_PROMPT:_
Your answer should be the lines below from the one with "#217=IFCMATERIALLAYER(#216,0.0359,$,$,$,$,$);" to the one with "#225=IFCMATERIALLAYER(#224,0.3401,$,$,$,$,$);", both included, given again exactly and with nothing added.
▼
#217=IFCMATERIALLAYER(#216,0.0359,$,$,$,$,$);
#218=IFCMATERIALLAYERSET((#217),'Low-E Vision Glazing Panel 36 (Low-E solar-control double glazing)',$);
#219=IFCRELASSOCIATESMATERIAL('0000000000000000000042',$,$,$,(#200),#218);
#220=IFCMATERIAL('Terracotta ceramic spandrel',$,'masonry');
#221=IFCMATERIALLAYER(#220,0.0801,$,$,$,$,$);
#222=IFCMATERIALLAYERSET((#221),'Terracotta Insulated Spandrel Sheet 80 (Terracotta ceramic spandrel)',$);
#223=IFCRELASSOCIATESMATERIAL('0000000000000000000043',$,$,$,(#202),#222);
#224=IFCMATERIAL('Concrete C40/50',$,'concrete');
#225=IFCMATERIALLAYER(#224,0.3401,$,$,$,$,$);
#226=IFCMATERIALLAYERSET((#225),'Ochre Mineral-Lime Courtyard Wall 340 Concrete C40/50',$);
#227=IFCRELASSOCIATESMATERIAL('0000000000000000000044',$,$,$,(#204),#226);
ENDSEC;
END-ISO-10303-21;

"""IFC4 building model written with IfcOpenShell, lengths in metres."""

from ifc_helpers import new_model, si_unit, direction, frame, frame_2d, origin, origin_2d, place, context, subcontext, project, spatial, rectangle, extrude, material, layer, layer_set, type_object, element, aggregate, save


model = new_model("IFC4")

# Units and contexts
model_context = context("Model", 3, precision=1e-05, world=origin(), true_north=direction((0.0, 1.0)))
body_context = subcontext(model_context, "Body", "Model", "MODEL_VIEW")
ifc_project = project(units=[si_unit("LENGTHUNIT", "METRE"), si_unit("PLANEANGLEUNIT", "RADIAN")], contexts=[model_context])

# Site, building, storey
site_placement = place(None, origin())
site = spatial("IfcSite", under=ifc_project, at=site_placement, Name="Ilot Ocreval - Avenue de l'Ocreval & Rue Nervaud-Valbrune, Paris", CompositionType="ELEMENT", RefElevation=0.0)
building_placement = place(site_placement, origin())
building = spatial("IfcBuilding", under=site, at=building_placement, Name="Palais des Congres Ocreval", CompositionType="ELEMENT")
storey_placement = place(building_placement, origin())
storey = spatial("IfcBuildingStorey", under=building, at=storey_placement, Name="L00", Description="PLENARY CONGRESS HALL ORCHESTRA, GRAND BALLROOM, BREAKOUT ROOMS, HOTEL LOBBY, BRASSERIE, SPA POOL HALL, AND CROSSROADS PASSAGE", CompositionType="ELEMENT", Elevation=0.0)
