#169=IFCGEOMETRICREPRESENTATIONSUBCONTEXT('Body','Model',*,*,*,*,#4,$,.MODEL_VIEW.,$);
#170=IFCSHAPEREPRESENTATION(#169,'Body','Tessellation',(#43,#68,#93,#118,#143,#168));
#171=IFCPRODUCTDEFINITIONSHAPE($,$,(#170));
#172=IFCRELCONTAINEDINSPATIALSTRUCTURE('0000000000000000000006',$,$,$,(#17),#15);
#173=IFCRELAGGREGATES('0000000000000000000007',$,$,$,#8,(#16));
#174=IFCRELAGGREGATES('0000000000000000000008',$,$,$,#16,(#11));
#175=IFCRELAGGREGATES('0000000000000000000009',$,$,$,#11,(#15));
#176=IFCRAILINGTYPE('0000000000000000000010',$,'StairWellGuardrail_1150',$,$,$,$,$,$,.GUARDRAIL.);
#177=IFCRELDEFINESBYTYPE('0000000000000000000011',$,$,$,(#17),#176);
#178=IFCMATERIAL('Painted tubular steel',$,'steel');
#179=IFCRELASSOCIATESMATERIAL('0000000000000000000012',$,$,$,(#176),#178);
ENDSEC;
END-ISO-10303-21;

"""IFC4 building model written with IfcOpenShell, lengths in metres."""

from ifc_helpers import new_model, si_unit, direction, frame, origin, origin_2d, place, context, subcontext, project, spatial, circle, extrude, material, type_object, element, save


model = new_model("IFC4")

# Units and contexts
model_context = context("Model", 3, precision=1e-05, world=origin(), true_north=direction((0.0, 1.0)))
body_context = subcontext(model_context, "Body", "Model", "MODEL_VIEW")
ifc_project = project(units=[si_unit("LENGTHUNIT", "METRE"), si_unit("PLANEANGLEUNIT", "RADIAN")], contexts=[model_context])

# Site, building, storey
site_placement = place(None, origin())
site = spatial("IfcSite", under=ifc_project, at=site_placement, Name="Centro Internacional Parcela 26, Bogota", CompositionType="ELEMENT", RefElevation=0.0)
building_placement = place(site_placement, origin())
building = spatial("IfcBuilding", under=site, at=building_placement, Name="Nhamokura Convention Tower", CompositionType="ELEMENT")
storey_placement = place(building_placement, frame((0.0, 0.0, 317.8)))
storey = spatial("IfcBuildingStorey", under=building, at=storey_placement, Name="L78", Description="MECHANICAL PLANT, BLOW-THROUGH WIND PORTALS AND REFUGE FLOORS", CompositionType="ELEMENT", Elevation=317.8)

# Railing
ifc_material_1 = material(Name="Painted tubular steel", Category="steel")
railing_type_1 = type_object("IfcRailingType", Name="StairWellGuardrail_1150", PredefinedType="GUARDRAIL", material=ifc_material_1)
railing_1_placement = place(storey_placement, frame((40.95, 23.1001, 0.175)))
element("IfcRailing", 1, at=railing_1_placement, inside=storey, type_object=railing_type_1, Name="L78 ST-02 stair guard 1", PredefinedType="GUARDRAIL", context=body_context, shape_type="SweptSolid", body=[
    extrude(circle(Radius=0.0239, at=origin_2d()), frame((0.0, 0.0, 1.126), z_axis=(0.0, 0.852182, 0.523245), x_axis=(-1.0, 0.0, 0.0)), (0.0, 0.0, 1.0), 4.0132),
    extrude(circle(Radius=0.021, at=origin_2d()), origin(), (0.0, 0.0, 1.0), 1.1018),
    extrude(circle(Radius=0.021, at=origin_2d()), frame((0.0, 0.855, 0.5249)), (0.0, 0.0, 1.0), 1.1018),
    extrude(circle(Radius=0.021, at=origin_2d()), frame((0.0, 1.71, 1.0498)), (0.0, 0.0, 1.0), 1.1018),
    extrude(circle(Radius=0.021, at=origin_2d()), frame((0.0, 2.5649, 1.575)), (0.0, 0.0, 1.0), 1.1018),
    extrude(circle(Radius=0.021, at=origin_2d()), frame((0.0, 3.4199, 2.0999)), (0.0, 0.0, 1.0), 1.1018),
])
▲
▼
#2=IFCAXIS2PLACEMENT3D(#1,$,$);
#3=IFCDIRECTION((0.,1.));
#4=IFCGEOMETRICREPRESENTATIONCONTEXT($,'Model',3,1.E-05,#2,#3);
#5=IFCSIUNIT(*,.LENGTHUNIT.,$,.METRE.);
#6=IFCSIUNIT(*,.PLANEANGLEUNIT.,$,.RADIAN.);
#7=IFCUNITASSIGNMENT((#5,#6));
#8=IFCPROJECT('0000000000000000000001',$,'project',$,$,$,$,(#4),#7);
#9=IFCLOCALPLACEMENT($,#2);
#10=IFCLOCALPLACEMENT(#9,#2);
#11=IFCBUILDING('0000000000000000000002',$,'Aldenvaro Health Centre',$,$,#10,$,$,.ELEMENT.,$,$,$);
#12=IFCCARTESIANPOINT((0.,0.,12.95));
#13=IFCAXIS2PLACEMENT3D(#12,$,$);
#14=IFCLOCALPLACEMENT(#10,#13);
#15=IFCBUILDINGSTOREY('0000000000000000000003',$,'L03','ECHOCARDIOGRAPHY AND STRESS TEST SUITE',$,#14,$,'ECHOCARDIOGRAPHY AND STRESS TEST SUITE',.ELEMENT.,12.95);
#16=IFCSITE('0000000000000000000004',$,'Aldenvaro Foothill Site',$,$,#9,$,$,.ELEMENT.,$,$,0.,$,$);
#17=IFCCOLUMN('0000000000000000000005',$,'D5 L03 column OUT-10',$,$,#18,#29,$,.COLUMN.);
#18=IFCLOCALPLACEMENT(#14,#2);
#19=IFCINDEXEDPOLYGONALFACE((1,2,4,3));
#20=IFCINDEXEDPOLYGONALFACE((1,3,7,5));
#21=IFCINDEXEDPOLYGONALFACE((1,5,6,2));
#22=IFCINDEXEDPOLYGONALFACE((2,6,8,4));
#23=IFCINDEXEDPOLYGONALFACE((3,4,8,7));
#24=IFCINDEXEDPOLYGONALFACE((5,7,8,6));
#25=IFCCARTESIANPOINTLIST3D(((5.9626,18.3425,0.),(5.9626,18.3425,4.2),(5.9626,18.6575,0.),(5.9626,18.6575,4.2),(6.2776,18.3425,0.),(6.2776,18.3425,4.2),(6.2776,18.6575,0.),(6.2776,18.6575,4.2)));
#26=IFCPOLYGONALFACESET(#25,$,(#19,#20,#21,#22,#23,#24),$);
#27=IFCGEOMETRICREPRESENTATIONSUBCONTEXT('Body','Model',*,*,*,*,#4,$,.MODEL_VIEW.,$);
▲
▼
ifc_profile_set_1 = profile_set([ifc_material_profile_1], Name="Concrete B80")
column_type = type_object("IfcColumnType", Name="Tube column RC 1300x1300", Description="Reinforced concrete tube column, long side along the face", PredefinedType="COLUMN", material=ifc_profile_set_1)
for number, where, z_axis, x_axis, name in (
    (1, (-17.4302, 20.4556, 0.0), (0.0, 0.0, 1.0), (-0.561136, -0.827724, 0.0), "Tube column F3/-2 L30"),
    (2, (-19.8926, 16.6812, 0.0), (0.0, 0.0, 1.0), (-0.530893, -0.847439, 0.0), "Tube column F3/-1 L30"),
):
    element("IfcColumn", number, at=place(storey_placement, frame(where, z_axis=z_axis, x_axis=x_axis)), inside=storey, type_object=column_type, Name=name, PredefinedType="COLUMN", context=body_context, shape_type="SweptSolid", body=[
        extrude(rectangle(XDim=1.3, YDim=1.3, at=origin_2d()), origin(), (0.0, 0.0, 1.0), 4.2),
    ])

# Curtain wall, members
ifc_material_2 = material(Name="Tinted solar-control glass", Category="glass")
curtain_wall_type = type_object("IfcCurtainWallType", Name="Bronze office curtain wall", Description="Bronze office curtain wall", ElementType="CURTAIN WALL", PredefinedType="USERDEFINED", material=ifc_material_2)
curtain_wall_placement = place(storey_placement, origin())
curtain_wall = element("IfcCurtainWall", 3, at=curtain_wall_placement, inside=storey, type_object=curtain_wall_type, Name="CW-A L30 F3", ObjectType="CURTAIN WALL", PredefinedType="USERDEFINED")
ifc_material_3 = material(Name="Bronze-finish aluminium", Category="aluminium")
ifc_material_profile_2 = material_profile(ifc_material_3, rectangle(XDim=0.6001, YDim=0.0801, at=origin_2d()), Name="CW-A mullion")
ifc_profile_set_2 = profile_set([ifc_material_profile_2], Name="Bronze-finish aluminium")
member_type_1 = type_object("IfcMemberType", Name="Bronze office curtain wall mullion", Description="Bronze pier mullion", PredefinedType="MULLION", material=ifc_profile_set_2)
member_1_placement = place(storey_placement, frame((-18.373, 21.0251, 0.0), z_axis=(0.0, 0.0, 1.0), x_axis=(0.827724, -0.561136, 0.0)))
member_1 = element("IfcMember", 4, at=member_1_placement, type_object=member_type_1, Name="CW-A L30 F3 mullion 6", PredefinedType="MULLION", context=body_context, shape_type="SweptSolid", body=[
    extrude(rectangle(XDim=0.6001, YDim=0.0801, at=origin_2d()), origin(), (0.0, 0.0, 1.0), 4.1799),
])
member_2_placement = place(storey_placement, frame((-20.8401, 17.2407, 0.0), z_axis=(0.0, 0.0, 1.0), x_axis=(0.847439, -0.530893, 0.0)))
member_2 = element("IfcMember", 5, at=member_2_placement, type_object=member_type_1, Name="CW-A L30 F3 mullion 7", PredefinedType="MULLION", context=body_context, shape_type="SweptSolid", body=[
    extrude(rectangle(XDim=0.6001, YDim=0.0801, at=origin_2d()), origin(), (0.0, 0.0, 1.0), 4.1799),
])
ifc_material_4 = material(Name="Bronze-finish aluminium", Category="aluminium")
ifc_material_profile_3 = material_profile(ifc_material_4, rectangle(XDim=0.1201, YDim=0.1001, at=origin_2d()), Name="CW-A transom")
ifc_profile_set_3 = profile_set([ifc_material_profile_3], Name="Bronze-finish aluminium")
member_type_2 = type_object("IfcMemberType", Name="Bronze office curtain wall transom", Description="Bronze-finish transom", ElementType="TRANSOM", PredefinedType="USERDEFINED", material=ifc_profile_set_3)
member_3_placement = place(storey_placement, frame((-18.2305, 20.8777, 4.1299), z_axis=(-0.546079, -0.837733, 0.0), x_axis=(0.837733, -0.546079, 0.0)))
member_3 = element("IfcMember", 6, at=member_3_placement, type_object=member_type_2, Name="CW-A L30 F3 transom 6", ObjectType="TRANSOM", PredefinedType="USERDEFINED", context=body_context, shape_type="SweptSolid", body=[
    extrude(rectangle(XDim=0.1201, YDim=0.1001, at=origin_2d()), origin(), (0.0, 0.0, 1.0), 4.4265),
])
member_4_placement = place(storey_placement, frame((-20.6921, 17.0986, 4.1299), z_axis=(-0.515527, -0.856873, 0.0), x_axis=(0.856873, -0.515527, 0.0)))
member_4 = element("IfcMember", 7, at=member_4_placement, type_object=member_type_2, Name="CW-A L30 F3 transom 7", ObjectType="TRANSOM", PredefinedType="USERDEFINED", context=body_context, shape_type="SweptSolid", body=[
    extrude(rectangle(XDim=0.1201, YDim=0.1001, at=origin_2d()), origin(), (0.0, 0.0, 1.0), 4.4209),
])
▲
_RESULT:_
#217=IFCMATERIALLAYER(#216,0.0359,$,$,$,$,$);
#218=IFCMATERIALLAYERSET((#217),'Low-E Vision Glazing Panel 36 (Low-E solar-control double glazing)',$);
#219=IFCRELASSOCIATESMATERIAL('0000000000000000000042',$,$,$,(#200),#218);
#220=IFCMATERIAL('Terracotta ceramic spandrel',$,'masonry');
#221=IFCMATERIALLAYER(#220,0.0801,$,$,$,$,$);
#222=IFCMATERIALLAYERSET((#221),'Terracotta Insulated Spandrel Sheet 80 (Terracotta ceramic spandrel)',$);
#223=IFCRELASSOCIATESMATERIAL('0000000000000000000043',$,$,$,(#202),#222);
#224=IFCMATERIAL('Concrete C40/50',$,'concrete');
#225=IFCMATERIALLAYER(#224,0.3401,$,$,$,$,$);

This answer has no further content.